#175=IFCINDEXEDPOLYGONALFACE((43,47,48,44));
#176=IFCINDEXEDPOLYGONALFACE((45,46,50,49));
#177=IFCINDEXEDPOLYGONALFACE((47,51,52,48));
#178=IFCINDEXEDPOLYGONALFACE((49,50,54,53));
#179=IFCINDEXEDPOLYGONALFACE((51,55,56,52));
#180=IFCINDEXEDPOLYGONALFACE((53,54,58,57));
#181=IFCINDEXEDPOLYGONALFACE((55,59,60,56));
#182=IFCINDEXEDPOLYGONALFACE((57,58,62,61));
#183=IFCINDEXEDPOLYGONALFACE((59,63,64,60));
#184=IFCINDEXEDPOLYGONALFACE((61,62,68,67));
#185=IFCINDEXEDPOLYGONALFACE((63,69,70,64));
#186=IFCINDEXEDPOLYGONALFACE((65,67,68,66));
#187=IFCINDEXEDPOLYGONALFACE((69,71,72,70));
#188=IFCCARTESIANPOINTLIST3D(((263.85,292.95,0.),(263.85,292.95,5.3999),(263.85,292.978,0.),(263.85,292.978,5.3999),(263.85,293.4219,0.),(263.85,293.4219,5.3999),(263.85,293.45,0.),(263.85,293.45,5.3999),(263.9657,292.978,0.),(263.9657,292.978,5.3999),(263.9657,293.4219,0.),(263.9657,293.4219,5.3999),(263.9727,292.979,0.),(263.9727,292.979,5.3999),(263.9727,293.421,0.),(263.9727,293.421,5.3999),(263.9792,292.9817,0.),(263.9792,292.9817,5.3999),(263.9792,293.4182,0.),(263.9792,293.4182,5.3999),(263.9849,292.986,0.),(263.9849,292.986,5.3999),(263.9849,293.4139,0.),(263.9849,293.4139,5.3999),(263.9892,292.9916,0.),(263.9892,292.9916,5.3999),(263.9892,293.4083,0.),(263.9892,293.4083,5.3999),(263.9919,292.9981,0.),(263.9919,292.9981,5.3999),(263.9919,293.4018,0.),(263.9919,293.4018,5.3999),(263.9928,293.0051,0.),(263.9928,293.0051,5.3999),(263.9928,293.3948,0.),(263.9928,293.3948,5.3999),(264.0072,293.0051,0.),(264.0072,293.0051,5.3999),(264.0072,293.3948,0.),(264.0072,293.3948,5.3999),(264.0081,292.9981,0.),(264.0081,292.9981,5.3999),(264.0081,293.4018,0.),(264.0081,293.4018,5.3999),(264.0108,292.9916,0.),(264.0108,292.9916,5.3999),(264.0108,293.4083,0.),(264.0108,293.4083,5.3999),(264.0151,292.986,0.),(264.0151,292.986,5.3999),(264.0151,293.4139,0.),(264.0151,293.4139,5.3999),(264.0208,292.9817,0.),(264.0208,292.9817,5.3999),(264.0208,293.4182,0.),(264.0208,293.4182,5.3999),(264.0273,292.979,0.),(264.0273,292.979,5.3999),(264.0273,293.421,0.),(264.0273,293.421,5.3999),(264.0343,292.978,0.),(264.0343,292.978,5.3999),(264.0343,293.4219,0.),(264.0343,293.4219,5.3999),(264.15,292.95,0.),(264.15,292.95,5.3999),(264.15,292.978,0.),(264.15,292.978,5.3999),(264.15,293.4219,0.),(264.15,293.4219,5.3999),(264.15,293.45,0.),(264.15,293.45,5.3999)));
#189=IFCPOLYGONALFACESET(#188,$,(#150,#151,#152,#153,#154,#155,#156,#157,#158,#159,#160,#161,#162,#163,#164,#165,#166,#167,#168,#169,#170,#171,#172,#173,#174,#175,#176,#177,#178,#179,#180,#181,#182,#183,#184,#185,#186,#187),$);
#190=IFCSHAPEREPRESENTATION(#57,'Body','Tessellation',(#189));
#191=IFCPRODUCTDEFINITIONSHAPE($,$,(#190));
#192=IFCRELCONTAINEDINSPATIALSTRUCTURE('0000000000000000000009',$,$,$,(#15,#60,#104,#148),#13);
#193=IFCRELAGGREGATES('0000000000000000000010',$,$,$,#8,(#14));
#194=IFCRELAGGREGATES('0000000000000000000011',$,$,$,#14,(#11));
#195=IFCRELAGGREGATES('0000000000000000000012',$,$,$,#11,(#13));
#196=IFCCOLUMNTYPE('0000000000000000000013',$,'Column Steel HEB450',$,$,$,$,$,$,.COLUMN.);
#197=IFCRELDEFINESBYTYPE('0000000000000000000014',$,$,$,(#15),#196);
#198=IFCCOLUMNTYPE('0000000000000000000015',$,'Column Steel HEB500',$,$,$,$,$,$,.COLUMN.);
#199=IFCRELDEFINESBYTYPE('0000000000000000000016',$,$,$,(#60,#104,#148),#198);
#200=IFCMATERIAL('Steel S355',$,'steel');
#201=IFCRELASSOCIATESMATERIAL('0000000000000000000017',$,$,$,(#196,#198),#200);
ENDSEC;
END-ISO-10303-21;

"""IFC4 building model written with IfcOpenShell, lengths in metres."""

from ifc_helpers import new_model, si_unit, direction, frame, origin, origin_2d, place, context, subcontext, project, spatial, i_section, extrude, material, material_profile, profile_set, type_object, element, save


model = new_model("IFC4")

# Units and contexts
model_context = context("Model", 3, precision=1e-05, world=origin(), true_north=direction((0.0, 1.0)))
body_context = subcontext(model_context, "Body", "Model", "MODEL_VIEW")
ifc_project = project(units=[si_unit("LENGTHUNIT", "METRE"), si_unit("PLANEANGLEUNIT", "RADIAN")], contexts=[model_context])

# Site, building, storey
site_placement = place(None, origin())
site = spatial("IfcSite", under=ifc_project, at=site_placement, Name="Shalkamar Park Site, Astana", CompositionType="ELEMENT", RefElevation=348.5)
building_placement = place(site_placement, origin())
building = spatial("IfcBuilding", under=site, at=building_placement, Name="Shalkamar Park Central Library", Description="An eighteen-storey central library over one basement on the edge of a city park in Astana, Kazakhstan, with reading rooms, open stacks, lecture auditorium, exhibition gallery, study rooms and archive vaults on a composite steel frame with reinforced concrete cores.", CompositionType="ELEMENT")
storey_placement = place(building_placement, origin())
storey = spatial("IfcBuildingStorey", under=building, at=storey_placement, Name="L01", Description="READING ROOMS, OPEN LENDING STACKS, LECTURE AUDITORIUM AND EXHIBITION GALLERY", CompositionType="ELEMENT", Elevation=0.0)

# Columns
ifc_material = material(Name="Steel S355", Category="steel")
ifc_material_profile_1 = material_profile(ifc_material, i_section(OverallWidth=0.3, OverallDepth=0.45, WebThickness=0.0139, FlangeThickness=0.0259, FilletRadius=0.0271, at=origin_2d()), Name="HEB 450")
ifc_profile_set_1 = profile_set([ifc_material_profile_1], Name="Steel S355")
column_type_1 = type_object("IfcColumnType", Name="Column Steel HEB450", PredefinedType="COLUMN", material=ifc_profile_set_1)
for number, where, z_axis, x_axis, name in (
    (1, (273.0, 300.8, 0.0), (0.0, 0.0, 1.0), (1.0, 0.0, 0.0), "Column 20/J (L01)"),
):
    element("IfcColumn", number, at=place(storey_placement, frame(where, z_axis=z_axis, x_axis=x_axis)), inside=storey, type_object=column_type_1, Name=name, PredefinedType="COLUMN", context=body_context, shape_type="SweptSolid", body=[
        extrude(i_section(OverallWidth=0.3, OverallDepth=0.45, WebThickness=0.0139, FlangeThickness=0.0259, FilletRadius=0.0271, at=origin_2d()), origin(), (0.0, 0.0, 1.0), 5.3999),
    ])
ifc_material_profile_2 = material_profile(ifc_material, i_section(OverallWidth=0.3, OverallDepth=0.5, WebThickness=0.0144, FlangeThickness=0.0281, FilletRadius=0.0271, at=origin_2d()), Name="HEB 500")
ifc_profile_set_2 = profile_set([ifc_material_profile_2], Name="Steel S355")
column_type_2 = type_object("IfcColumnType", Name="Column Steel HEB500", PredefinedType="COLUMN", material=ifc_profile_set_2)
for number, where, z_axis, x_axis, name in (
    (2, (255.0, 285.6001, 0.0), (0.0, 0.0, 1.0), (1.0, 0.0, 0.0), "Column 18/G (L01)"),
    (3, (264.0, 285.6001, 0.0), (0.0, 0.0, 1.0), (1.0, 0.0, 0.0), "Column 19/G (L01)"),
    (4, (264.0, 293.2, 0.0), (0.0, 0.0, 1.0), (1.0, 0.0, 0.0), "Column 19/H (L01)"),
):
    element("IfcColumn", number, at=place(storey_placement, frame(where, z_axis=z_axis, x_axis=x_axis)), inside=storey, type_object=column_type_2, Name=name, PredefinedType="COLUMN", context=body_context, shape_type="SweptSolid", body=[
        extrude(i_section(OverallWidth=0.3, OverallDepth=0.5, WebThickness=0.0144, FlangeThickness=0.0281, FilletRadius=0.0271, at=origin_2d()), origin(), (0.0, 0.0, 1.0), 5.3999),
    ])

The problem
Would you please repeat exactly the lines above, starting at the line with "#190=IFCSHAPEREPRESENTATION(#57,'Body','Tessellation',(#189));" and stopping at the line with "eighteen-storey central library", both included?

Task output
#190=IFCSHAPEREPRESENTATION(#57,'Body','Tessellation',(#189));
#191=IFCPRODUCTDEFINITIONSHAPE($,$,(#190));
#192=IFCRELCONTAINEDINSPATIALSTRUCTURE('0000000000000000000009',$,$,$,(#15,#60,#104,#148),#13);
#193=IFCRELAGGREGATES('0000000000000000000010',$,$,$,#8,(#14));
#194=IFCRELAGGREGATES('0000000000000000000011',$,$,$,#14,(#11));
#195=IFCRELAGGREGATES('0000000000000000000012',$,$,$,#11,(#13));
#196=IFCCOLUMNTYPE('0000000000000000000013',$,'Column Steel HEB450',$,$,$,$,$,$,.COLUMN.);
#197=IFCRELDEFINESBYTYPE('0000000000000000000014',$,$,$,(#15),#196);
#198=IFCCOLUMNTYPE('0000000000000000000015',$,'Column Steel HEB500',$,$,$,$,$,$,.COLUMN.);
#199=IFCRELDEFINESBYTYPE('0000000000000000000016',$,$,$,(#60,#104,#148),#198);
#200=IFCMATERIAL('Steel S355',$,'steel');
#201=IFCRELASSOCIATESMATERIAL('0000000000000000000017',$,$,$,(#196,#198),#200);
ENDSEC;
END-ISO-10303-21;

"""IFC4 building model written with IfcOpenShell, lengths in metres."""

from ifc_helpers import new_model, si_unit, direction, frame, origin, origin_2d, place, context, subcontext, project, spatial, i_section, extrude, material, material_profile, profile_set, type_object, element, save


model = new_model("IFC4")

# Units and contexts
model_context = context("Model", 3, precision=1e-05, world=origin(), true_north=direction((0.0, 1.0)))
body_context = subcontext(model_context, "Body", "Model", "MODEL_VIEW")
ifc_project = project(units=[si_unit("LENGTHUNIT", "METRE"), si_unit("PLANEANGLEUNIT", "RADIAN")], contexts=[model_context])

# Site, building, storey
site_placement = place(None, origin())
site = spatial("IfcSite", under=ifc_project, at=site_placement, Name="Shalkamar Park Site, Astana", CompositionType="ELEMENT", RefElevation=348.5)
building_placement = place(site_placement, origin())
building = spatial("IfcBuilding", under=site, at=building_placement, Name="Shalkamar Park Central Library", Description="An eighteen-storey central library over one basement on the edge of a city park in Astana, Kazakhstan, with reading rooms, open stacks, lecture auditorium, exhibition gallery, study rooms and archive vaults on a composite steel frame with reinforced concrete cores.", CompositionType="ELEMENT")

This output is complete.